PROVIDED DATA below:

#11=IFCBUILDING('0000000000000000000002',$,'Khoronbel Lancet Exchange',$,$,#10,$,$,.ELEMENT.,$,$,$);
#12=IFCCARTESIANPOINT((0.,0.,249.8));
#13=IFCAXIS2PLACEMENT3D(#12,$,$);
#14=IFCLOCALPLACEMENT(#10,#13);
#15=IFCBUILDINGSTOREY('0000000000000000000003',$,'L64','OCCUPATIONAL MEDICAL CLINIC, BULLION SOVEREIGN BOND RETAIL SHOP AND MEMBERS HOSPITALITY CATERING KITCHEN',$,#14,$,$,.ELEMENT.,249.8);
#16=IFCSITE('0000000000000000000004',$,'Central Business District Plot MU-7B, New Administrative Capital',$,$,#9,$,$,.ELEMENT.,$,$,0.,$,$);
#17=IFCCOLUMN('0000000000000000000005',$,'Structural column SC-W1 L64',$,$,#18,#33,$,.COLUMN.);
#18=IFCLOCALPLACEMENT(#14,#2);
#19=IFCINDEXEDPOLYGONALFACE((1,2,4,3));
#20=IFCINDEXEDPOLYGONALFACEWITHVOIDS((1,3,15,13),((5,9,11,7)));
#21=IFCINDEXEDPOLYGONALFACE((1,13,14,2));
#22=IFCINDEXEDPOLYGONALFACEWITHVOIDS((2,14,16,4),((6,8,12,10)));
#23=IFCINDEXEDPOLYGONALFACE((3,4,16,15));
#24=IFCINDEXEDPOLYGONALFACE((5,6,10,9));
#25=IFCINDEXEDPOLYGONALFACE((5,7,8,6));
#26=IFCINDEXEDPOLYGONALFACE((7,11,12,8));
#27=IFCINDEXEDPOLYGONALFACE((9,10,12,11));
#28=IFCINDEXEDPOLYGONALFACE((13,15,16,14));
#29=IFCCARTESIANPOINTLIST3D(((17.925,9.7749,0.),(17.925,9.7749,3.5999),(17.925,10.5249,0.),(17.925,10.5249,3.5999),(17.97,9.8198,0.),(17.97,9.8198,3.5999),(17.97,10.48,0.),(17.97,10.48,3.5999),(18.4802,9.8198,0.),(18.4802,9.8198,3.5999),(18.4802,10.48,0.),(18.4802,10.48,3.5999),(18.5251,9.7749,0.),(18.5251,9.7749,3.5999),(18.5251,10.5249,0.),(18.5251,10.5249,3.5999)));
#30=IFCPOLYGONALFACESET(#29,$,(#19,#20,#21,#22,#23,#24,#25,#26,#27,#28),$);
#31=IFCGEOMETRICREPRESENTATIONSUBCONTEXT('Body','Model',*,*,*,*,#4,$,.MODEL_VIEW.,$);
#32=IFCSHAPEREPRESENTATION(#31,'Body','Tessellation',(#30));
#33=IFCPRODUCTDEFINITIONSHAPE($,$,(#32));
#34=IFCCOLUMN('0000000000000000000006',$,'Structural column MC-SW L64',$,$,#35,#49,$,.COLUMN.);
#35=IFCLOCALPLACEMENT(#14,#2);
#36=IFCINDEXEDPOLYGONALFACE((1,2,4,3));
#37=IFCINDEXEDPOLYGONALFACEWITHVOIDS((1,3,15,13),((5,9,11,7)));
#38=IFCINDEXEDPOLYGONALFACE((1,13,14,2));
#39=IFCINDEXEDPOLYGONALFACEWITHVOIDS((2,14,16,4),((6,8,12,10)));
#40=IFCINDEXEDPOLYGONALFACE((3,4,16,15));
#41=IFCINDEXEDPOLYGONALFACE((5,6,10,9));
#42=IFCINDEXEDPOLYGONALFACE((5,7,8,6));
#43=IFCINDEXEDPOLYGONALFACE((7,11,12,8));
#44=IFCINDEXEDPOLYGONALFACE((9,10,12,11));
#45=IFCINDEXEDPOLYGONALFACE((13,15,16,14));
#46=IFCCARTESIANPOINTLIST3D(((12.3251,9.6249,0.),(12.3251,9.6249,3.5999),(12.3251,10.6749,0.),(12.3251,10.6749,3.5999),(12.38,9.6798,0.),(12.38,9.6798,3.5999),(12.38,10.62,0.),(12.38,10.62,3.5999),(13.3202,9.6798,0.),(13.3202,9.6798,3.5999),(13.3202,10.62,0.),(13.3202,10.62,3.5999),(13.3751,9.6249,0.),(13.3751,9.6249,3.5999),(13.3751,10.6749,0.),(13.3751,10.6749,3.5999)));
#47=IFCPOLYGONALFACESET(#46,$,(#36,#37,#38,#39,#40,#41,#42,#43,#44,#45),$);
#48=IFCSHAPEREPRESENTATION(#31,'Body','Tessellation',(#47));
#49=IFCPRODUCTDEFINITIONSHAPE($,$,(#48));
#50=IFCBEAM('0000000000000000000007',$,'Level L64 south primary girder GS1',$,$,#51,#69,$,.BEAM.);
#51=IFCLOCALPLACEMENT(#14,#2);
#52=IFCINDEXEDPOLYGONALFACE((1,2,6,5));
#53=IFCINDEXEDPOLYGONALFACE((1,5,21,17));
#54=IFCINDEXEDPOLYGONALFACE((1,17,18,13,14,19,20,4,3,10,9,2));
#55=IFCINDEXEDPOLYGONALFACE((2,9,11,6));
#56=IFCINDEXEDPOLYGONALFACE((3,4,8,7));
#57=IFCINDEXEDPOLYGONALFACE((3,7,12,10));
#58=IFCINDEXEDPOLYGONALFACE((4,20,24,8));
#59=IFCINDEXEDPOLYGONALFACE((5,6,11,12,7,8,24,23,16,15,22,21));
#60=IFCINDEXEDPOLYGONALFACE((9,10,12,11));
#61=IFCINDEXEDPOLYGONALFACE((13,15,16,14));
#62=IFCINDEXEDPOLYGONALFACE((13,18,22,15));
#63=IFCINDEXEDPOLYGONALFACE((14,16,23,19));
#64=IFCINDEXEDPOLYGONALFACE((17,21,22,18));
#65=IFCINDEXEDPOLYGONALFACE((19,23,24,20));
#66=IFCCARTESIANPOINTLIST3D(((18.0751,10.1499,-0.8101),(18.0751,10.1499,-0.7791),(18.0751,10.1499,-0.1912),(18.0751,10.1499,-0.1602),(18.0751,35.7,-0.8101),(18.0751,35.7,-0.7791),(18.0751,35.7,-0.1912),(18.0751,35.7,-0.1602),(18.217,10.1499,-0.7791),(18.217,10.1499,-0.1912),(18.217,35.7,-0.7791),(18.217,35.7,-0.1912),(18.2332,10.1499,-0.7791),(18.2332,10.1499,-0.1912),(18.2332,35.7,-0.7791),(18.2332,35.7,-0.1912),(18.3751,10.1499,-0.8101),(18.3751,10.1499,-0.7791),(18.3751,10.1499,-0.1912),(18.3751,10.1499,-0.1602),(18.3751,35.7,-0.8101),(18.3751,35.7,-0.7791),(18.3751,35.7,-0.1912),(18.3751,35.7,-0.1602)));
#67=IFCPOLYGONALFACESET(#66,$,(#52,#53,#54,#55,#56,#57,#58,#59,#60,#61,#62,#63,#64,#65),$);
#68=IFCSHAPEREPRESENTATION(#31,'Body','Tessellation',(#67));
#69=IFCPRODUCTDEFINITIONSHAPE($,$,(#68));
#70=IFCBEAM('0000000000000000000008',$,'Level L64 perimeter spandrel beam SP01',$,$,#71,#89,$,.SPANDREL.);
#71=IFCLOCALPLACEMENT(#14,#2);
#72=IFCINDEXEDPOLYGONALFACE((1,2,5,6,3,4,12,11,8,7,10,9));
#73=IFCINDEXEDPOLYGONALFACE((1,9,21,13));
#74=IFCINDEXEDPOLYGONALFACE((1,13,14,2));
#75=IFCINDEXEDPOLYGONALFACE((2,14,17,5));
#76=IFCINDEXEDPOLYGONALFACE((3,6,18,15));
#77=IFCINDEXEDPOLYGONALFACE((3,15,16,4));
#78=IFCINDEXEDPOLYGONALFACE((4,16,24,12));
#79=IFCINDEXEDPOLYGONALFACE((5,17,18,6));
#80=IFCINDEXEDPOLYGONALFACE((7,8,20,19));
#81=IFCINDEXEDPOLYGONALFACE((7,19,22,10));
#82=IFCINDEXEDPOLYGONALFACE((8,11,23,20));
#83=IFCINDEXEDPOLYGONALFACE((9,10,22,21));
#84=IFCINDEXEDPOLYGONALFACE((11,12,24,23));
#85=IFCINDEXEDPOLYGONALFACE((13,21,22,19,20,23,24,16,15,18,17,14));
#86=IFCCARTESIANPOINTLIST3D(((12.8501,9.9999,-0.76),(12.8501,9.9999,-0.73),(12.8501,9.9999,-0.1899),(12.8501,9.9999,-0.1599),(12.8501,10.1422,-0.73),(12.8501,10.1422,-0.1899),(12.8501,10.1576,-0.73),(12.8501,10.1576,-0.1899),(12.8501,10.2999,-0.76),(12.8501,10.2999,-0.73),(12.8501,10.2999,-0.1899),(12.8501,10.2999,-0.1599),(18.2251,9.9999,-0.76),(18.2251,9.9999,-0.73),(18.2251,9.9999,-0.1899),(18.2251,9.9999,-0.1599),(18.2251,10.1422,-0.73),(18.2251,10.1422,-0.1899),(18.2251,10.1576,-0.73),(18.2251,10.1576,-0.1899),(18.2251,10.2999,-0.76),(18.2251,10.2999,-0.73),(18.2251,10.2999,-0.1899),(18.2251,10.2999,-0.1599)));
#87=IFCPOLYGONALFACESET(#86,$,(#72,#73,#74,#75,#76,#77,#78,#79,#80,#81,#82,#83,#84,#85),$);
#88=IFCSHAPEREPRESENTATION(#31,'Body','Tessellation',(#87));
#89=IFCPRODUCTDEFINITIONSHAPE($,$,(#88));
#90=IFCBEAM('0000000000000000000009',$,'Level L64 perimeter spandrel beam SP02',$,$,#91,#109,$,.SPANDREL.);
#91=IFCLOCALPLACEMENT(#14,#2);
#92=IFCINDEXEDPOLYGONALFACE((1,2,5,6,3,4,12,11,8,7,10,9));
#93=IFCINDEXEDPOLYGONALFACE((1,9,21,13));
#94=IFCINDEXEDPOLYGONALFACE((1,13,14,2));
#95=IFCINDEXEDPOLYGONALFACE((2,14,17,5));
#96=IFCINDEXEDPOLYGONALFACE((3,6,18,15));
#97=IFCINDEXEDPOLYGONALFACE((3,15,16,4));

End of PROVIDED DATA.

§ TASK DESCRIPTION: The line with "#18=IFCLOCALPLACEMENT(#14,#2);" marks the end; reproduce exactly every line from the start of the entries up to it, that line included.

§ YOUR RESPONSE:
#11=IFCBUILDING('0000000000000000000002',$,'Khoronbel Lancet Exchange',$,$,#10,$,$,.ELEMENT.,$,$,$);
#12=IFCCARTESIANPOINT((0.,0.,249.8));
#13=IFCAXIS2PLACEMENT3D(#12,$,$);
#14=IFCLOCALPLACEMENT(#10,#13);
#15=IFCBUILDINGSTOREY('0000000000000000000003',$,'L64','OCCUPATIONAL MEDICAL CLINIC, BULLION SOVEREIGN BOND RETAIL SHOP AND MEMBERS HOSPITALITY CATERING KITCHEN',$,#14,$,$,.ELEMENT.,249.8);
#16=IFCSITE('0000000000000000000004',$,'Central Business District Plot MU-7B, New Administrative Capital',$,$,#9,$,$,.ELEMENT.,$,$,0.,$,$);
#17=IFCCOLUMN('0000000000000000000005',$,'Structural column SC-W1 L64',$,$,#18,#33,$,.COLUMN.);
#18=IFCLOCALPLACEMENT(#14,#2);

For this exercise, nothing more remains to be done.